Study material Start Marker

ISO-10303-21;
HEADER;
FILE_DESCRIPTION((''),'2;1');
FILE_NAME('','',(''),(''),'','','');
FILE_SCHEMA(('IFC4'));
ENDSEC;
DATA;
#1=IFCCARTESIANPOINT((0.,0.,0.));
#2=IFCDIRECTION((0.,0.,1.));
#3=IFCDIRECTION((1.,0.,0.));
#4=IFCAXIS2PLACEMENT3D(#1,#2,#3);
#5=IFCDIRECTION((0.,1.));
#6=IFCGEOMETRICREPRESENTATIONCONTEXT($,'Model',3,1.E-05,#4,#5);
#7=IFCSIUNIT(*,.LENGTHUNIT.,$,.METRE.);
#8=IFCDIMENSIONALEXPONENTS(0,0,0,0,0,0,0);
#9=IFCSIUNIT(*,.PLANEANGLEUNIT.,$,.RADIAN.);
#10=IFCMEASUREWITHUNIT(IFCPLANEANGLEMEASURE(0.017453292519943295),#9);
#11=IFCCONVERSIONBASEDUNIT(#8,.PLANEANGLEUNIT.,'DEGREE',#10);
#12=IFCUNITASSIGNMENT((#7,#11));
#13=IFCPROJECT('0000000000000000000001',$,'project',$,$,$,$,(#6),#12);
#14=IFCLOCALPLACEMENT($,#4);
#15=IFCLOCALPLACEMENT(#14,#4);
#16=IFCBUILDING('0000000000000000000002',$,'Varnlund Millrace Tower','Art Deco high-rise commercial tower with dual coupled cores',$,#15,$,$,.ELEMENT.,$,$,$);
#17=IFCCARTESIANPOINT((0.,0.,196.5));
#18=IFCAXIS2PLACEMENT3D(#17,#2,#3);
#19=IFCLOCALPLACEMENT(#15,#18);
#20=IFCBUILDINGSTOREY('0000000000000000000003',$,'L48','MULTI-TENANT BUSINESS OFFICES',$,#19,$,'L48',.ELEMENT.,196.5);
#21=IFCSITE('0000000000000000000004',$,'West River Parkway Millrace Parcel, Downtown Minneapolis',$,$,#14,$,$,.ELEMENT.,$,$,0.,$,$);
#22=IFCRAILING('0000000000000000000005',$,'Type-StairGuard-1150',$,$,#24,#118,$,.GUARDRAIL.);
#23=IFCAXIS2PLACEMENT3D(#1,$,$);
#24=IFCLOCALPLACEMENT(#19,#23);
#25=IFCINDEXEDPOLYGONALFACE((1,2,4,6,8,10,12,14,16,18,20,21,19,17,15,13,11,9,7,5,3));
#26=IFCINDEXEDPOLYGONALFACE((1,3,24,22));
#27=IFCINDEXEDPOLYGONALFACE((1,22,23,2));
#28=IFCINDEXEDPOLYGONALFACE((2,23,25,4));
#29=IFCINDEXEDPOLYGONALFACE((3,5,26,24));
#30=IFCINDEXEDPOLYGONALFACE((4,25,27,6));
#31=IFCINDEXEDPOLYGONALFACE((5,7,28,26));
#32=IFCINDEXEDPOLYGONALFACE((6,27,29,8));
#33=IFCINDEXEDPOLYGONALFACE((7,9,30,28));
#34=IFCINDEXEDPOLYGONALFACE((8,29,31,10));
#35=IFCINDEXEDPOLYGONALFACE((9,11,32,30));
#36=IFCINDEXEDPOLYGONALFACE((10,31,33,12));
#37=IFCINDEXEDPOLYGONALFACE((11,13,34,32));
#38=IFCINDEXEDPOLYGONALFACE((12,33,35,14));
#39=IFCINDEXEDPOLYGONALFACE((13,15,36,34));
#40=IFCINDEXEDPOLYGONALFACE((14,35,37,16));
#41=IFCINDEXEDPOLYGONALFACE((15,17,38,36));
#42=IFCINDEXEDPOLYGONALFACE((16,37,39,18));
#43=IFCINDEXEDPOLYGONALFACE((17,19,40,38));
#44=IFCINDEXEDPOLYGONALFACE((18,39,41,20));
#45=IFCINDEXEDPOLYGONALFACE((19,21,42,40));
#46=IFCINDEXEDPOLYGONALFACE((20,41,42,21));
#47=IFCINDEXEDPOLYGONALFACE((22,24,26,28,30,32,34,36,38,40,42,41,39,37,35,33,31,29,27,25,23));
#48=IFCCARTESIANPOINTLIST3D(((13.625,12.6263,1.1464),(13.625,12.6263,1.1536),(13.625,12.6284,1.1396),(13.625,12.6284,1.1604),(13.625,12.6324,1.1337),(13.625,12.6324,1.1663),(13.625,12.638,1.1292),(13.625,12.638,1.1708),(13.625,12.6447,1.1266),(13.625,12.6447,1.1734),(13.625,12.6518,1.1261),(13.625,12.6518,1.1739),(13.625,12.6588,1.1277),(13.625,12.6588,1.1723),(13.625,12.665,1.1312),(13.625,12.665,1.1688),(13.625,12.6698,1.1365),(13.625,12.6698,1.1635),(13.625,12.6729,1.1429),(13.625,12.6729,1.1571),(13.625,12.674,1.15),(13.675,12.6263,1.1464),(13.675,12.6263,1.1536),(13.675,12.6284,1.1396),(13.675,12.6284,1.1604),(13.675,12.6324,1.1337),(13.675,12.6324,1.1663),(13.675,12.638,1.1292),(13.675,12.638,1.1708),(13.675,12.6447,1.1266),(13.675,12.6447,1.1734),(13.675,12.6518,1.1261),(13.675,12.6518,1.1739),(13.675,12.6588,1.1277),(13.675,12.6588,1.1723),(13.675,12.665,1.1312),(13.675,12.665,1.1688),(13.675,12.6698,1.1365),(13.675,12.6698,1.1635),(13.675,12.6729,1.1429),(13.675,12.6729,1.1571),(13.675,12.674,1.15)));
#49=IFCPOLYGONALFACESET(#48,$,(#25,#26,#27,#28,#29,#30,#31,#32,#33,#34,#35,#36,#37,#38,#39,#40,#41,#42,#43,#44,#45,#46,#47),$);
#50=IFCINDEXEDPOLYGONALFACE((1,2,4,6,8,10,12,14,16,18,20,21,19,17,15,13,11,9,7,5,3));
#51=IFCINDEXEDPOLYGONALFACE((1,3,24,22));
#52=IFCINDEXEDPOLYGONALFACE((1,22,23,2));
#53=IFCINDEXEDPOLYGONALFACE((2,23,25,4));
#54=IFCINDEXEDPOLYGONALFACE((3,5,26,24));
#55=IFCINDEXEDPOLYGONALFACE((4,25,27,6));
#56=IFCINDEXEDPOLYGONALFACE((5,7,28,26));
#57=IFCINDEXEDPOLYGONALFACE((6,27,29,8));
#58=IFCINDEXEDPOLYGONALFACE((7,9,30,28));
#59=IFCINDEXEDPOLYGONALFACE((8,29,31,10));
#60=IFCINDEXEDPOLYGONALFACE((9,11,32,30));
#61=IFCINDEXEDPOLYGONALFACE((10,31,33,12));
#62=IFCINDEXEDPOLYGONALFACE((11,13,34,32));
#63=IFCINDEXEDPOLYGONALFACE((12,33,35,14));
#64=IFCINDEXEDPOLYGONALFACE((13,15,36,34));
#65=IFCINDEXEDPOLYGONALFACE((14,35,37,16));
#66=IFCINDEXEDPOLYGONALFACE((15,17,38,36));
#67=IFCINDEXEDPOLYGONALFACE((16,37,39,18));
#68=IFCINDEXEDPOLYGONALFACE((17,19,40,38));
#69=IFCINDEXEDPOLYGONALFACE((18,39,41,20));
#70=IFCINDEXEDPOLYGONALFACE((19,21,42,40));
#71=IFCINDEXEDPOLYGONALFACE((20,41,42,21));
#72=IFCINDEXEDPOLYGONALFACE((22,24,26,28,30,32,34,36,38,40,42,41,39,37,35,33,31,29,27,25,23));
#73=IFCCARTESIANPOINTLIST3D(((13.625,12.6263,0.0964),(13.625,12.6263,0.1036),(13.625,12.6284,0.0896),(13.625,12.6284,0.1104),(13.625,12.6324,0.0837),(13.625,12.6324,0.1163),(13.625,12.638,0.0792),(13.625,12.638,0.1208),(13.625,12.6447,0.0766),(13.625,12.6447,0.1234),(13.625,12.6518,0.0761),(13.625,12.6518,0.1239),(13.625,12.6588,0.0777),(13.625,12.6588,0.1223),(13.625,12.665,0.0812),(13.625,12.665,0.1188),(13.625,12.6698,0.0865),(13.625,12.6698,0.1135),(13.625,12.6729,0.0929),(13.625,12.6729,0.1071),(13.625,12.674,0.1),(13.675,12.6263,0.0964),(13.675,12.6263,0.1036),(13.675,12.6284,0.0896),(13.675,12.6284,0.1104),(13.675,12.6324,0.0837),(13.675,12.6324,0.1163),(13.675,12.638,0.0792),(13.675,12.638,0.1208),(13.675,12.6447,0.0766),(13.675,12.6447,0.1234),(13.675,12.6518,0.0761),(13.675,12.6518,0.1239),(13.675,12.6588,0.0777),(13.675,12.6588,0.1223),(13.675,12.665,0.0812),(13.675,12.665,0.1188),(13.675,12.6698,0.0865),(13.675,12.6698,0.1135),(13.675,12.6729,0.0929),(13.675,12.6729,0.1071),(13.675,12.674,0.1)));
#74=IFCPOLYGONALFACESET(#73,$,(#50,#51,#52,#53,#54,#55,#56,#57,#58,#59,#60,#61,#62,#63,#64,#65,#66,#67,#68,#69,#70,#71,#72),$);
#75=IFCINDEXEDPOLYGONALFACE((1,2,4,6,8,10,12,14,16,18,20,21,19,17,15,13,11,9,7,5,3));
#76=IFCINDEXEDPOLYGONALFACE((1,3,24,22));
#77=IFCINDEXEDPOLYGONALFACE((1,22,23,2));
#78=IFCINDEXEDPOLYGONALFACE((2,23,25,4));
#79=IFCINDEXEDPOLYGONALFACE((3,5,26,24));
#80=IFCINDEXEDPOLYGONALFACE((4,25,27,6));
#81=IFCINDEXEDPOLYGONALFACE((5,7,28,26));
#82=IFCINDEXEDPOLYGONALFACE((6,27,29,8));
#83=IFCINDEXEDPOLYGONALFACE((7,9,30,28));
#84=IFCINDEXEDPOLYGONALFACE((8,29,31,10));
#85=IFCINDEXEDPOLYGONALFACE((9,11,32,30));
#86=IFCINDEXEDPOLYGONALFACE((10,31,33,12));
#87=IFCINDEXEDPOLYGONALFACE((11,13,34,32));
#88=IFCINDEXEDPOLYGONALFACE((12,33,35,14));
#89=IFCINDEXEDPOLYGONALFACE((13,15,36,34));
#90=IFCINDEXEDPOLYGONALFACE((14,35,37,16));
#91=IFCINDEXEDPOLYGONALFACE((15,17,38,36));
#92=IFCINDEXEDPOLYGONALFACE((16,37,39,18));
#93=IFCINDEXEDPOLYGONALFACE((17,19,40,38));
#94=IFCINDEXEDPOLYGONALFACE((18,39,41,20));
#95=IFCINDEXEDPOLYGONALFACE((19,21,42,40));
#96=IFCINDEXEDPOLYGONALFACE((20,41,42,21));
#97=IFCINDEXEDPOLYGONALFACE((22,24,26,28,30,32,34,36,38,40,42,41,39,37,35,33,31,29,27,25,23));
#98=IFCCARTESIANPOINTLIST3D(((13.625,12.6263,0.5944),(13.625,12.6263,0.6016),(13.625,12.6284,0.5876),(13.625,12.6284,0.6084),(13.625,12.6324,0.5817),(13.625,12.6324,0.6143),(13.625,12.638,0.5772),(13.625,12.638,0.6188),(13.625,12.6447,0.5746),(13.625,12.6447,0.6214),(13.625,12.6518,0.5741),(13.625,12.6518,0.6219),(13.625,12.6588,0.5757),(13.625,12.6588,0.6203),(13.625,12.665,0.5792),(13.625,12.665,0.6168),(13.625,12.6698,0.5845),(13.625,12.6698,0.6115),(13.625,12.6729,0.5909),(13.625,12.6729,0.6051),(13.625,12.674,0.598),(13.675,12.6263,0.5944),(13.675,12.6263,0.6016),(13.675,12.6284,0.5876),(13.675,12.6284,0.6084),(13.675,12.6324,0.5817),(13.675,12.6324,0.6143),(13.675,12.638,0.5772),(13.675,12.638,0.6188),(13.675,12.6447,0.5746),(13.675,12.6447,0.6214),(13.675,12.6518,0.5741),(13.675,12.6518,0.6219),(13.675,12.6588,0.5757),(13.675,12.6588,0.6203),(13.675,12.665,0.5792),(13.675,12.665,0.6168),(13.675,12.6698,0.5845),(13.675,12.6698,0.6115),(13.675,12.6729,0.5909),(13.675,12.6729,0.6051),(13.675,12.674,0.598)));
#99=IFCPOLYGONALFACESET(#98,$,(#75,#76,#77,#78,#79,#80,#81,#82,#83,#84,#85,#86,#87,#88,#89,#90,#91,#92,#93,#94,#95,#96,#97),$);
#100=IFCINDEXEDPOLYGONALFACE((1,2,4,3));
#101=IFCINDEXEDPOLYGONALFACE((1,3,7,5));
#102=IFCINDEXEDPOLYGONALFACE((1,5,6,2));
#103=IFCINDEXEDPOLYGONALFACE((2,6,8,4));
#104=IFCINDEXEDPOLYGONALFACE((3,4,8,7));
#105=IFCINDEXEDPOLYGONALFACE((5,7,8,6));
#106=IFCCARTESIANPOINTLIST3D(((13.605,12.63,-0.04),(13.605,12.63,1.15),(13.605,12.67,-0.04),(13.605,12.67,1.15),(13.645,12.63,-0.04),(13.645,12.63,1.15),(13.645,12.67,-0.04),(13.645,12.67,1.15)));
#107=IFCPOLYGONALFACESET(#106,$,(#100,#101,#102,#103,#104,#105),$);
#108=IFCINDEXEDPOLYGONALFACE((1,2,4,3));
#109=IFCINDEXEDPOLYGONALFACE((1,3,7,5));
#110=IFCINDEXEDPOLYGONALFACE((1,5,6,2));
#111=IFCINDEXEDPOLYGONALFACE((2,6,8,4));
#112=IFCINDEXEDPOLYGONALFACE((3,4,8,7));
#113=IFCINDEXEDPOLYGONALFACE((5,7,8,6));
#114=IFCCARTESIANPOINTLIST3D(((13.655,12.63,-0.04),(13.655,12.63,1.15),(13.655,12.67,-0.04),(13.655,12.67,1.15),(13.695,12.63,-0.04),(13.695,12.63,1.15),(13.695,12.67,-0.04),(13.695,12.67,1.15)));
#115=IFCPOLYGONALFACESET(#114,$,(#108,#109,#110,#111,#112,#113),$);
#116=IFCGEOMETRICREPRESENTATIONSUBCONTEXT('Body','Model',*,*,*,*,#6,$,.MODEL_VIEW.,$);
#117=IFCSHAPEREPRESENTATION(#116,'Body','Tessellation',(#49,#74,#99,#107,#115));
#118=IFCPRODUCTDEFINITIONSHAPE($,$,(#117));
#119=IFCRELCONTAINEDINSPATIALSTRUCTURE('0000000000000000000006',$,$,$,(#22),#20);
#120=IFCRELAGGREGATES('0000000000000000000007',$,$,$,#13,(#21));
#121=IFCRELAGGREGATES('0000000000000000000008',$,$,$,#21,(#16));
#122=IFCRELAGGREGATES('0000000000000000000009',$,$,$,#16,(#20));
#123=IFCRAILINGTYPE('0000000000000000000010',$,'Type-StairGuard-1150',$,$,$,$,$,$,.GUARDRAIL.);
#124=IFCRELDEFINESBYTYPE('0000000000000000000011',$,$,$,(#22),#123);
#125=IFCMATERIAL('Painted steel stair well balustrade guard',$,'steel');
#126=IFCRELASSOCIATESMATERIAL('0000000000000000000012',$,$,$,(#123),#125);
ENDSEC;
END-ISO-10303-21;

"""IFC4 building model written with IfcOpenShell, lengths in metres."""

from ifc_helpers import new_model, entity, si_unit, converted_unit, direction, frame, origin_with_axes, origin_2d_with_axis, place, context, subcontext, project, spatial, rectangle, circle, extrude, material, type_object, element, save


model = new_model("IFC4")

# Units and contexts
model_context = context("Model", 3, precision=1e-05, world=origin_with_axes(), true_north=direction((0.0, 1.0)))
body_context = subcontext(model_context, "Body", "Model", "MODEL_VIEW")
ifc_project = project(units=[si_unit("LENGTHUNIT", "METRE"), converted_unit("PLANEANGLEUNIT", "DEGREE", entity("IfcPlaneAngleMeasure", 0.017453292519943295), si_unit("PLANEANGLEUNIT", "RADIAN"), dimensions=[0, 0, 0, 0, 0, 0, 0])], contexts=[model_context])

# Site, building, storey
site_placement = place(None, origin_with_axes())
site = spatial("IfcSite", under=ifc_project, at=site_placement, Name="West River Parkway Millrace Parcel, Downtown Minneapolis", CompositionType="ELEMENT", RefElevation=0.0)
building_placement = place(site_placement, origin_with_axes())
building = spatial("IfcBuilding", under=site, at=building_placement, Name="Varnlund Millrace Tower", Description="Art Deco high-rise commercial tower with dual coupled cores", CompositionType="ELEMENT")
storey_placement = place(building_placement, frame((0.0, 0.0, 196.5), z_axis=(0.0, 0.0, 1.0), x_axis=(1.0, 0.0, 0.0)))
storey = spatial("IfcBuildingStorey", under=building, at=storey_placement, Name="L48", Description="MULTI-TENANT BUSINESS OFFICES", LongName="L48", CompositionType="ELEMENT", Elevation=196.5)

Study material End Marker
Study material Start Marker

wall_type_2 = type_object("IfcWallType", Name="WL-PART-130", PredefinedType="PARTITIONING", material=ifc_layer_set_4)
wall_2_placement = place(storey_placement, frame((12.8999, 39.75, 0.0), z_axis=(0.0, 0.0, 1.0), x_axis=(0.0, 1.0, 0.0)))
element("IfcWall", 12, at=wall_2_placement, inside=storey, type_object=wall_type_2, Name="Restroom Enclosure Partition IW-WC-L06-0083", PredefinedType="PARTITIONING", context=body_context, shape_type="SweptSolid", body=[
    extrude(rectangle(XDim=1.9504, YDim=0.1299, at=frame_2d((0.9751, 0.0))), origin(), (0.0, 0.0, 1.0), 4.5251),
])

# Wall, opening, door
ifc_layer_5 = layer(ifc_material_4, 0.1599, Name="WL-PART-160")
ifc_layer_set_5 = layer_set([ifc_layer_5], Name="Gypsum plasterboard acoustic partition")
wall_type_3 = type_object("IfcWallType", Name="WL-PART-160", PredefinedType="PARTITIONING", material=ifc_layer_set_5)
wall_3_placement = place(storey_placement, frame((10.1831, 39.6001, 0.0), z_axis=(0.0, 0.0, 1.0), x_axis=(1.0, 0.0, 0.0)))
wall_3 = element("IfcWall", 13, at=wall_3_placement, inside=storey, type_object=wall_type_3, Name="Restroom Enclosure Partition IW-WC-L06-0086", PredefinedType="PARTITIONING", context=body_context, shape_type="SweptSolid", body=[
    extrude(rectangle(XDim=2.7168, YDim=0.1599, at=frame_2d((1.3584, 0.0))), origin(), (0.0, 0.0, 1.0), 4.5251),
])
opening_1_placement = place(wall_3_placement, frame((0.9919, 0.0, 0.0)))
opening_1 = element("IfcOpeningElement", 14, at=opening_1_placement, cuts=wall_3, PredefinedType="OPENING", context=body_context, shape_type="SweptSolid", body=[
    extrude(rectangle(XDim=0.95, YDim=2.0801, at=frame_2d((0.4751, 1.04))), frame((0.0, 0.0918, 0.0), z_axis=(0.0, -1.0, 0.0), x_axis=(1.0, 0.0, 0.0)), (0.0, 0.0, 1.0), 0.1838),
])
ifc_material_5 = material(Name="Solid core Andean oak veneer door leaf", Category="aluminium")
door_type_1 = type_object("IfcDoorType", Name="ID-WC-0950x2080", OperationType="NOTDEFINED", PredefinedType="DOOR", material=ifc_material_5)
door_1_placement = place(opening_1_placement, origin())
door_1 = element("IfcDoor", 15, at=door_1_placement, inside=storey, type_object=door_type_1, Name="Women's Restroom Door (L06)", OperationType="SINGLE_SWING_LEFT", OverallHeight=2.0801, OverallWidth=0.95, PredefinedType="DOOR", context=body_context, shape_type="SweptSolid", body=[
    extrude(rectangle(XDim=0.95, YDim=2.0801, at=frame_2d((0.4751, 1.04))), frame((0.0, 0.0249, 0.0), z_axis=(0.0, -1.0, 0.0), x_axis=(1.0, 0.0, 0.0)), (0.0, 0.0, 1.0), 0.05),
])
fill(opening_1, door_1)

Study material End Marker

Your goal:
Among the entries above, copy exactly only the lines starting with the one containing "#84=IFCINDEXEDPOLYGONALFACE((8,29,31,10));" and going through the one containing "#94=IFCINDEXEDPOLYGONALFACE((18,39,41,20));", both ends included.

Result below:
#84=IFCINDEXEDPOLYGONALFACE((8,29,31,10));
#85=IFCINDEXEDPOLYGONALFACE((9,11,32,30));
#86=IFCINDEXEDPOLYGONALFACE((10,31,33,12));
#87=IFCINDEXEDPOLYGONALFACE((11,13,34,32));
#88=IFCINDEXEDPOLYGONALFACE((12,33,35,14));
#89=IFCINDEXEDPOLYGONALFACE((13,15,36,34));
#90=IFCINDEXEDPOLYGONALFACE((14,35,37,16));
#91=IFCINDEXEDPOLYGONALFACE((15,17,38,36));
#92=IFCINDEXEDPOLYGONALFACE((16,37,39,18));
#93=IFCINDEXEDPOLYGONALFACE((17,19,40,38));
#94=IFCINDEXEDPOLYGONALFACE((18,39,41,20));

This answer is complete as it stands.